HOW TO COMPLETE THIS TASK -
Could you copy out every line of the data where the word "Name" occurs?

EXTRACTED DATA: Begin

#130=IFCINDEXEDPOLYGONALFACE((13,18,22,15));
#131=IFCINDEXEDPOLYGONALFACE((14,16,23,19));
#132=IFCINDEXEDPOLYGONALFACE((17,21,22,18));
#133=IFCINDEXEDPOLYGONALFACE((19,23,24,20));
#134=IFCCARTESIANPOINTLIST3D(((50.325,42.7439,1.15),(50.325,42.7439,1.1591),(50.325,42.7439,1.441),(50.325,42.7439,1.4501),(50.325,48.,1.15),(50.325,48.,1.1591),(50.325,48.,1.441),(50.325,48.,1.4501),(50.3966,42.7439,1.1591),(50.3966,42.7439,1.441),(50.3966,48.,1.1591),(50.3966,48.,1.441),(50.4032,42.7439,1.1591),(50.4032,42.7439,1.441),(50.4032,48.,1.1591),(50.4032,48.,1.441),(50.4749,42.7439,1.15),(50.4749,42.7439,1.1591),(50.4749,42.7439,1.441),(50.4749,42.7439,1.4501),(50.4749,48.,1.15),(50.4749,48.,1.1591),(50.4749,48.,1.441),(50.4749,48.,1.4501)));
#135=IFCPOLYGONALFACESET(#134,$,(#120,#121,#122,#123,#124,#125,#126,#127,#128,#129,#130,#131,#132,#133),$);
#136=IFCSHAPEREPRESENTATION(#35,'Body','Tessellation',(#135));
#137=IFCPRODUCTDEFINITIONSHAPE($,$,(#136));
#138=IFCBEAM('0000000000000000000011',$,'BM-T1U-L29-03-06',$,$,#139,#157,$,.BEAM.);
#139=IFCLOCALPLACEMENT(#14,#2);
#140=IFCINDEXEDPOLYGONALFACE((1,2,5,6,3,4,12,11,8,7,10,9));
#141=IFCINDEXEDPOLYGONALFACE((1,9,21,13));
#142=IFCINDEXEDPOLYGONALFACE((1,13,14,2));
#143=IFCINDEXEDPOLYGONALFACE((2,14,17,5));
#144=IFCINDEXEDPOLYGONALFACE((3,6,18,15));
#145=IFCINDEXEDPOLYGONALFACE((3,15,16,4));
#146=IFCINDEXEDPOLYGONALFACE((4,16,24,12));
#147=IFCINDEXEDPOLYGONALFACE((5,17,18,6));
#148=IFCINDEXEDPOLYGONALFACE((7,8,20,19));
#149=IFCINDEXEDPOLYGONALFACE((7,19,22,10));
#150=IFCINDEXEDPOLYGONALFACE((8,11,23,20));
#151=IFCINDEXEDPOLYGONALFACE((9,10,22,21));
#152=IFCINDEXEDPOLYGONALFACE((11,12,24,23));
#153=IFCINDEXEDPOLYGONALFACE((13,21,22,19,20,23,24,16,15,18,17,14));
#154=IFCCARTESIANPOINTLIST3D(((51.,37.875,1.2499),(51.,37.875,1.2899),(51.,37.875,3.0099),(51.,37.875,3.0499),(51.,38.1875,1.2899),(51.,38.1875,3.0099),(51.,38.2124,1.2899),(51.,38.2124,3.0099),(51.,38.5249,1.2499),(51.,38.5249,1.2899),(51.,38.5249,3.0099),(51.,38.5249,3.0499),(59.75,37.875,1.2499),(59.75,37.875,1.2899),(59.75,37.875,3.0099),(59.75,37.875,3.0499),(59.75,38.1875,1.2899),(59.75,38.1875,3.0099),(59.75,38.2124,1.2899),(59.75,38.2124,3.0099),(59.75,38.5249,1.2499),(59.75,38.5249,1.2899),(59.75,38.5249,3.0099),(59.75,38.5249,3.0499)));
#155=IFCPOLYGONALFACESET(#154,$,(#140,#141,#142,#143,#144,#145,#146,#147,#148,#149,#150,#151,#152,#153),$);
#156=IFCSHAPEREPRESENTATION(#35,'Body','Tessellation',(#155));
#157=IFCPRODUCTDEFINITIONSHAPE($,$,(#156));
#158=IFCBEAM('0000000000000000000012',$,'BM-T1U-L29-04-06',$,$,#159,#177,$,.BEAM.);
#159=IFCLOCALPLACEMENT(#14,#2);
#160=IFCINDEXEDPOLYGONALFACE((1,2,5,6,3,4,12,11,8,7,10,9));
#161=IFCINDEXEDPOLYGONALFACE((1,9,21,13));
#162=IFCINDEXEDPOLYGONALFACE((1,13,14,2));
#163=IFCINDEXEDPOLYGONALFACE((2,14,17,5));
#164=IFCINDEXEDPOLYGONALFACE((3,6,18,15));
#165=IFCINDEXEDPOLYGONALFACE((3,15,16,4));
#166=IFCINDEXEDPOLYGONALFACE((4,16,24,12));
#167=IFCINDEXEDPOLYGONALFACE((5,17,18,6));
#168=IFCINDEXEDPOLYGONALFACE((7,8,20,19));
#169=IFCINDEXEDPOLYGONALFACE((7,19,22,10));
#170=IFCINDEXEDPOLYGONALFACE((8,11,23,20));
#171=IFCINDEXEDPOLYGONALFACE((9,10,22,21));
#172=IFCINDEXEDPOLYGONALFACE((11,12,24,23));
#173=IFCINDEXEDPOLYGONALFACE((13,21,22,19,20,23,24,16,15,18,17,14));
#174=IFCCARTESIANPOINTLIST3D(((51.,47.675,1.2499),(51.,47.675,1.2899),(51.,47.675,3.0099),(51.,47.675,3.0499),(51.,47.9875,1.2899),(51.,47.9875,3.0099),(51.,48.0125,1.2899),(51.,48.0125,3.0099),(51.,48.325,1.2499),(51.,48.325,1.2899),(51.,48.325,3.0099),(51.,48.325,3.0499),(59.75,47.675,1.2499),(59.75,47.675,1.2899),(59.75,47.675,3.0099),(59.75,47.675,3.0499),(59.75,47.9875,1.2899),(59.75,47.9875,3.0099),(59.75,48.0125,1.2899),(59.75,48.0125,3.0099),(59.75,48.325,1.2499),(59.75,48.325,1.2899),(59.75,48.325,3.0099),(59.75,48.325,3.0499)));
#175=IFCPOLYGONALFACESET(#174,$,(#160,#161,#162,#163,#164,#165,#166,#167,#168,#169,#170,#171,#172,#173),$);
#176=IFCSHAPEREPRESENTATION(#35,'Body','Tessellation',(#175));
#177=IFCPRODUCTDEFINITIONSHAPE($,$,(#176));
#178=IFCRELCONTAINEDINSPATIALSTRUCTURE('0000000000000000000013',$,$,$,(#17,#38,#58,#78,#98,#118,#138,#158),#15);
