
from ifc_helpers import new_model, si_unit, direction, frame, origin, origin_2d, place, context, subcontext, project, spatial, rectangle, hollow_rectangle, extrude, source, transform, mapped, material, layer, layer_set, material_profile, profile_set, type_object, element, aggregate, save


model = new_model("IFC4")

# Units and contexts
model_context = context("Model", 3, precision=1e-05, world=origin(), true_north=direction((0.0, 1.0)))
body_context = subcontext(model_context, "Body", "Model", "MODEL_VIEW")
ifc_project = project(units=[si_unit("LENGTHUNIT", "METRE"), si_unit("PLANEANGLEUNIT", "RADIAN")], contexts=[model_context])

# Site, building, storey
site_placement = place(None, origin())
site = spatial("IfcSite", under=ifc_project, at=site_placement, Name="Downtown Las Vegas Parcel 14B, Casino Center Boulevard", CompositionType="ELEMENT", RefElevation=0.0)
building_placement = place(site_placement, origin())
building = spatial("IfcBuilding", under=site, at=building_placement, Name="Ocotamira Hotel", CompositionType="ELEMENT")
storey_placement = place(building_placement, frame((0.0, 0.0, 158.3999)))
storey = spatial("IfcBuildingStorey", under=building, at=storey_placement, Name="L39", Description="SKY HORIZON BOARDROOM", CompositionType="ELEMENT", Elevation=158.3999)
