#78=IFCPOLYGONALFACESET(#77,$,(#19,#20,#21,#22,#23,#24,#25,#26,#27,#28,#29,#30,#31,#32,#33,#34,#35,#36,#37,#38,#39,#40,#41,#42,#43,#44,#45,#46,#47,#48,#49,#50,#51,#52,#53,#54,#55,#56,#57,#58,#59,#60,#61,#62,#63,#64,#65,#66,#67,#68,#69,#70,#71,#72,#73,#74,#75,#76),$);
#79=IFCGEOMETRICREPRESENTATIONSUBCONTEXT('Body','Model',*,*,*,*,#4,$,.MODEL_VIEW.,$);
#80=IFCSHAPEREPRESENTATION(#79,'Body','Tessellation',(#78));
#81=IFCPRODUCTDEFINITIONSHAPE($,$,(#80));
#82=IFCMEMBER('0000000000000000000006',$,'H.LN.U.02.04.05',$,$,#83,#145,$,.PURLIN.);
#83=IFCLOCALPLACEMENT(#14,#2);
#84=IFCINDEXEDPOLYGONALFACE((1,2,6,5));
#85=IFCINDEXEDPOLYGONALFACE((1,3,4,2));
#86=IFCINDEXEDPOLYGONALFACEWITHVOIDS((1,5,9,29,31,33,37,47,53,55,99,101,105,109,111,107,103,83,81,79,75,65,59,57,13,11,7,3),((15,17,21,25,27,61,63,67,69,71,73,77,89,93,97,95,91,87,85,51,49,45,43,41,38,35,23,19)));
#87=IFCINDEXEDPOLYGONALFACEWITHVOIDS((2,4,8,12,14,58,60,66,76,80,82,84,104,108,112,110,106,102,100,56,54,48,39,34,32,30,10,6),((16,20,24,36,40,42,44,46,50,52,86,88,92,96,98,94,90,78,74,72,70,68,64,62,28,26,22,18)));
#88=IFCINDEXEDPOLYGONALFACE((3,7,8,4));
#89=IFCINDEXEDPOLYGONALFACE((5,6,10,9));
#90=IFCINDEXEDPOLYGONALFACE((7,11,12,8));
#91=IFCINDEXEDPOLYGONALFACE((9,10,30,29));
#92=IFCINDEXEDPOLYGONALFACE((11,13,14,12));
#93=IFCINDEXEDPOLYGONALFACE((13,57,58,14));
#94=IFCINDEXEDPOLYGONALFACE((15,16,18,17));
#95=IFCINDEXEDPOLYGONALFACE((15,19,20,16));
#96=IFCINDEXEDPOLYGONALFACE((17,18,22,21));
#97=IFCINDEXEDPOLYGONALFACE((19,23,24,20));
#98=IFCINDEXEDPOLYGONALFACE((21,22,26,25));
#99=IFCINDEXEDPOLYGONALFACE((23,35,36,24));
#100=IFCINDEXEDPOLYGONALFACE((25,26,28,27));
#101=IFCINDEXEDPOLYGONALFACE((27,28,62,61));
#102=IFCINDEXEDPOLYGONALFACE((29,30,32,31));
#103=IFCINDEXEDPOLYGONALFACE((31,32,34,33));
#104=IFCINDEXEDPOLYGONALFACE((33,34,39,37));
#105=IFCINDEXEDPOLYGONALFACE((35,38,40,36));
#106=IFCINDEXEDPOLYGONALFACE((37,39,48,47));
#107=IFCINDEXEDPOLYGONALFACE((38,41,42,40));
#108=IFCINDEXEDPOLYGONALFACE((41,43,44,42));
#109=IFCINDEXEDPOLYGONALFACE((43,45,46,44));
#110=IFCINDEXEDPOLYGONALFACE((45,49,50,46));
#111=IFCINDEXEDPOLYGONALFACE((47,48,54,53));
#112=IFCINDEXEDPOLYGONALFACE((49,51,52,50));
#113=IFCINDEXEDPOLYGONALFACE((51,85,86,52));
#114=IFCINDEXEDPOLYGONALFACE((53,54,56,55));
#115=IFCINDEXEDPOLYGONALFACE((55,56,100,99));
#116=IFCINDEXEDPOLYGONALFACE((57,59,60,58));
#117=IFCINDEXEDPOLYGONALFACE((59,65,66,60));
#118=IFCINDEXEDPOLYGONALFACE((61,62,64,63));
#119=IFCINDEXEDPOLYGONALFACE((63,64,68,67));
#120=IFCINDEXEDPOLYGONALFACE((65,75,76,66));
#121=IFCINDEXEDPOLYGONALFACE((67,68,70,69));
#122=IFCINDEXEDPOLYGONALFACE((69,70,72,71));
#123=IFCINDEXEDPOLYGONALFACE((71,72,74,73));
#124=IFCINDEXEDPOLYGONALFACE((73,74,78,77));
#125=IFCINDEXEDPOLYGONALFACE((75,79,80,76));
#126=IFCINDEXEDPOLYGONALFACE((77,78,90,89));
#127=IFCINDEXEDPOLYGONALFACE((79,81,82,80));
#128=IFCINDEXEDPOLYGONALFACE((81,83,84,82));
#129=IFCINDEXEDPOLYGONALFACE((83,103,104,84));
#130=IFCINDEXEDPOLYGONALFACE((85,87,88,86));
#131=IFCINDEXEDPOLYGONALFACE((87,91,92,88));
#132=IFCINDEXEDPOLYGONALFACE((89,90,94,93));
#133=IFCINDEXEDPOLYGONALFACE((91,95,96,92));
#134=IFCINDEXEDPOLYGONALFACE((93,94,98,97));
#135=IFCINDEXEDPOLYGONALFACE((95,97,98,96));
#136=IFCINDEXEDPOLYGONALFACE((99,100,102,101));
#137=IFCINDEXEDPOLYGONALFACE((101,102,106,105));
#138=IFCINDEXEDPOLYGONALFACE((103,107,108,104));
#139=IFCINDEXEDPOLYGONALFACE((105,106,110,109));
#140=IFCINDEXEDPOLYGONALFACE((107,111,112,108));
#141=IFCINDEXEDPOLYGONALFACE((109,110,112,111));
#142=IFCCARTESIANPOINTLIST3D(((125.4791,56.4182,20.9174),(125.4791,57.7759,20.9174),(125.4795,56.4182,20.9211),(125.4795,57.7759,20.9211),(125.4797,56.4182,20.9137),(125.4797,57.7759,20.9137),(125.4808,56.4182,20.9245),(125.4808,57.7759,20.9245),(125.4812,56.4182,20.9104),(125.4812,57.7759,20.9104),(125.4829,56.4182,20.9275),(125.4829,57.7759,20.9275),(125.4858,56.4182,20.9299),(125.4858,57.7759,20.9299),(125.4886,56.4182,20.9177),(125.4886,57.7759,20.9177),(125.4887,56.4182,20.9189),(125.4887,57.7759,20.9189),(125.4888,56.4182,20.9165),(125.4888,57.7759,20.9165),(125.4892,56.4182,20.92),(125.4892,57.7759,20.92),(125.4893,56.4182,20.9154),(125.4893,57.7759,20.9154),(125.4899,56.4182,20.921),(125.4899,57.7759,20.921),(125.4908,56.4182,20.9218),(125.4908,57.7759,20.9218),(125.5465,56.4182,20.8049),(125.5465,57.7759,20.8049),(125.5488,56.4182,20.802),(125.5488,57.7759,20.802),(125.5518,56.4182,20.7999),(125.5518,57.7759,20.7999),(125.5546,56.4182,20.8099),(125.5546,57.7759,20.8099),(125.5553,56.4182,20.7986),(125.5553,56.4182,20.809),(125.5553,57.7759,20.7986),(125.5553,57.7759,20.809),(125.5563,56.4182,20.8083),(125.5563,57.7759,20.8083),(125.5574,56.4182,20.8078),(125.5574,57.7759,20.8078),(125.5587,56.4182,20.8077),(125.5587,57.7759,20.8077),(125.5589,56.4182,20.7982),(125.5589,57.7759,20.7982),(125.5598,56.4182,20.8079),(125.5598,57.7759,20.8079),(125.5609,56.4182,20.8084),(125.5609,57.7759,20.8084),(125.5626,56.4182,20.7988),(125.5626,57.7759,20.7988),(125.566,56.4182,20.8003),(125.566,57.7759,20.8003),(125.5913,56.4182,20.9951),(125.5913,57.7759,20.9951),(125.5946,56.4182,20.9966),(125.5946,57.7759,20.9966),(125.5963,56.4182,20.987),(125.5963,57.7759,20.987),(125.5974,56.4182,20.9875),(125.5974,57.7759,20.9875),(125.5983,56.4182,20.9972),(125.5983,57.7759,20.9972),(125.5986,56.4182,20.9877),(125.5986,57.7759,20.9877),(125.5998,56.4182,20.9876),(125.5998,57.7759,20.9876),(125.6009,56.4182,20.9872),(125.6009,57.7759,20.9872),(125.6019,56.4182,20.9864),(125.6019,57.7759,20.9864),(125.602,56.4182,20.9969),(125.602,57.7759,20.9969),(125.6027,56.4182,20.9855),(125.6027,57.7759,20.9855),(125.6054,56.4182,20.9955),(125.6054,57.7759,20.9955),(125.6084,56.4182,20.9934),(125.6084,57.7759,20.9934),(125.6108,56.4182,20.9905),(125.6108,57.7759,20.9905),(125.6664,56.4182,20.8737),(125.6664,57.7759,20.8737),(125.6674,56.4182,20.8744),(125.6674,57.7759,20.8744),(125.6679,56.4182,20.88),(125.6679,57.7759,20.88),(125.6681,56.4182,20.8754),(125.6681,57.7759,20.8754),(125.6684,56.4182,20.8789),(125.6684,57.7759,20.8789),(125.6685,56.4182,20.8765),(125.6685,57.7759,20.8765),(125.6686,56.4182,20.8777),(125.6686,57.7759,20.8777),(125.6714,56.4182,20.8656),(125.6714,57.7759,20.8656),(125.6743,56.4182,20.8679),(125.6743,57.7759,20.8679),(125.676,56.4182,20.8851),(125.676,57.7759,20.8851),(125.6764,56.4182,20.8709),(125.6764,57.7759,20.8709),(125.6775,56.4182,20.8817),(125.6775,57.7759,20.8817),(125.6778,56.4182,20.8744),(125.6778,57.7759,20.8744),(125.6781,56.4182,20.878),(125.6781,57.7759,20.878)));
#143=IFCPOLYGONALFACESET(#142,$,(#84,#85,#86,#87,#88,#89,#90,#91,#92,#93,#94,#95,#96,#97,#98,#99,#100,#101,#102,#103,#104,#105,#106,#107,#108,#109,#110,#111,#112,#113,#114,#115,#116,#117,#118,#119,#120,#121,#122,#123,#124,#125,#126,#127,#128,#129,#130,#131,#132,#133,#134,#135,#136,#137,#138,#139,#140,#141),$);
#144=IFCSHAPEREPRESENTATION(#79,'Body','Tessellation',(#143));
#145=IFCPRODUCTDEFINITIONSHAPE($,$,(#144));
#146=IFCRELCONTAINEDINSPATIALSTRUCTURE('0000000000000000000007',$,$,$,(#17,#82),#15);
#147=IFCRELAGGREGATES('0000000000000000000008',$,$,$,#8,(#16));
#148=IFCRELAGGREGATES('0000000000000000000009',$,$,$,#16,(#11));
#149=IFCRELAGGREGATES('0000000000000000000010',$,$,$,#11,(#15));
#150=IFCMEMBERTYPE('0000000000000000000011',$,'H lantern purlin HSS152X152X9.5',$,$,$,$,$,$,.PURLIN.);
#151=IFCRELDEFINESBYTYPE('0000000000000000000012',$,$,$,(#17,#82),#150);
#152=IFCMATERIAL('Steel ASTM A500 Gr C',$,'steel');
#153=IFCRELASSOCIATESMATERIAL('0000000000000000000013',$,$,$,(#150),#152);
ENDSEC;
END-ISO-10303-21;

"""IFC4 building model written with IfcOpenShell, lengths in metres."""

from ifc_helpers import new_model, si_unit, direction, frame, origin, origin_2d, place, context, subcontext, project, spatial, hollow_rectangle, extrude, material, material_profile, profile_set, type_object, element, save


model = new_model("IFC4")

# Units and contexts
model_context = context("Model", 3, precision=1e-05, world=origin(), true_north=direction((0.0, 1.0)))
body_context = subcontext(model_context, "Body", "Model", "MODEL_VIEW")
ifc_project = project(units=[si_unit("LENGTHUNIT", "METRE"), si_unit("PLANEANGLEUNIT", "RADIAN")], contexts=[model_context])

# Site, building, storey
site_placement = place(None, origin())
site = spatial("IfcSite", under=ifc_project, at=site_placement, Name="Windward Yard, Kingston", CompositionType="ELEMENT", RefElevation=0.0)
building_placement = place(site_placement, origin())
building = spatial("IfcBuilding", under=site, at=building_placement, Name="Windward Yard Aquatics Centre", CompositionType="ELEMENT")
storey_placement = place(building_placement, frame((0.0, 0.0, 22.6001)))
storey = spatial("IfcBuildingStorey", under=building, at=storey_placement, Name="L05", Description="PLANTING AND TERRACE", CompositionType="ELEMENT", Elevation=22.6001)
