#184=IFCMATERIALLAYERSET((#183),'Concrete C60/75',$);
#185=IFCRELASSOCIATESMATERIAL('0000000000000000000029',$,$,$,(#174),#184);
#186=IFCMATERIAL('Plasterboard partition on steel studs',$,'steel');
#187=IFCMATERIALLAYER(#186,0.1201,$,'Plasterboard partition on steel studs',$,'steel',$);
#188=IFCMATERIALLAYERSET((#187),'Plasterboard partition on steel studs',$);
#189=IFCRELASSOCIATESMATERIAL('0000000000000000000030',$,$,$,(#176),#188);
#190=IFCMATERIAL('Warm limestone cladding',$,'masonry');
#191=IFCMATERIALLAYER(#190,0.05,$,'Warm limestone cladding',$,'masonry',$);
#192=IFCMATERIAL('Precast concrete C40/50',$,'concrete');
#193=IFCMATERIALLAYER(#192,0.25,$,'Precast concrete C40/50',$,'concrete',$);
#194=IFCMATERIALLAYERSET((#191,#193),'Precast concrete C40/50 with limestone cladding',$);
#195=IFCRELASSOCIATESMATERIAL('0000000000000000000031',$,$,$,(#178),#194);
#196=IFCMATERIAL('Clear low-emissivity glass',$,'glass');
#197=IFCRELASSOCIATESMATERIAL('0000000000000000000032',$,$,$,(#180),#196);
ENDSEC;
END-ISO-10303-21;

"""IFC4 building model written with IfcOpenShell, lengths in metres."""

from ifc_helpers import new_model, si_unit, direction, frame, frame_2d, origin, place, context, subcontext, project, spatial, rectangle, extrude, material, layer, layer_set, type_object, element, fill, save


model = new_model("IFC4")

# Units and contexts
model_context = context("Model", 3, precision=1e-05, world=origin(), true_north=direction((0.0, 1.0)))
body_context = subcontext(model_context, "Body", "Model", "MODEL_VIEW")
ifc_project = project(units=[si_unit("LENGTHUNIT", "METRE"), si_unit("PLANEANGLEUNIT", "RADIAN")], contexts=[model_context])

EXTRACTED DATA: End

RESPONSE TO THE EXERCISE -
site = spatial("IfcSite", under=ifc_project, at=site_placement, Name="Downtown Las Vegas Parcel 14B, Casino Center Boulevard", CompositionType="ELEMENT", RefElevation=0.0)
building = spatial("IfcBuilding", under=site, at=building_placement, Name="Ocotamira Hotel", CompositionType="ELEMENT")
storey = spatial("IfcBuildingStorey", under=building, at=storey_placement, Name="L39", Description="SKY HORIZON BOARDROOM", CompositionType="ELEMENT", Elevation=158.3999)
site = spatial("IfcSite", under=ifc_project, at=site_placement, Name="Windward Yard, Kingston", CompositionType="ELEMENT", RefElevation=0.0)
building = spatial("IfcBuilding", under=site, at=building_placement, Name="Windward Yard Aquatics Centre", CompositionType="ELEMENT")
storey = spatial("IfcBuildingStorey", under=building, at=storey_placement, Name="L05", Description="PLANTING AND TERRACE", CompositionType="ELEMENT", Elevation=22.6001)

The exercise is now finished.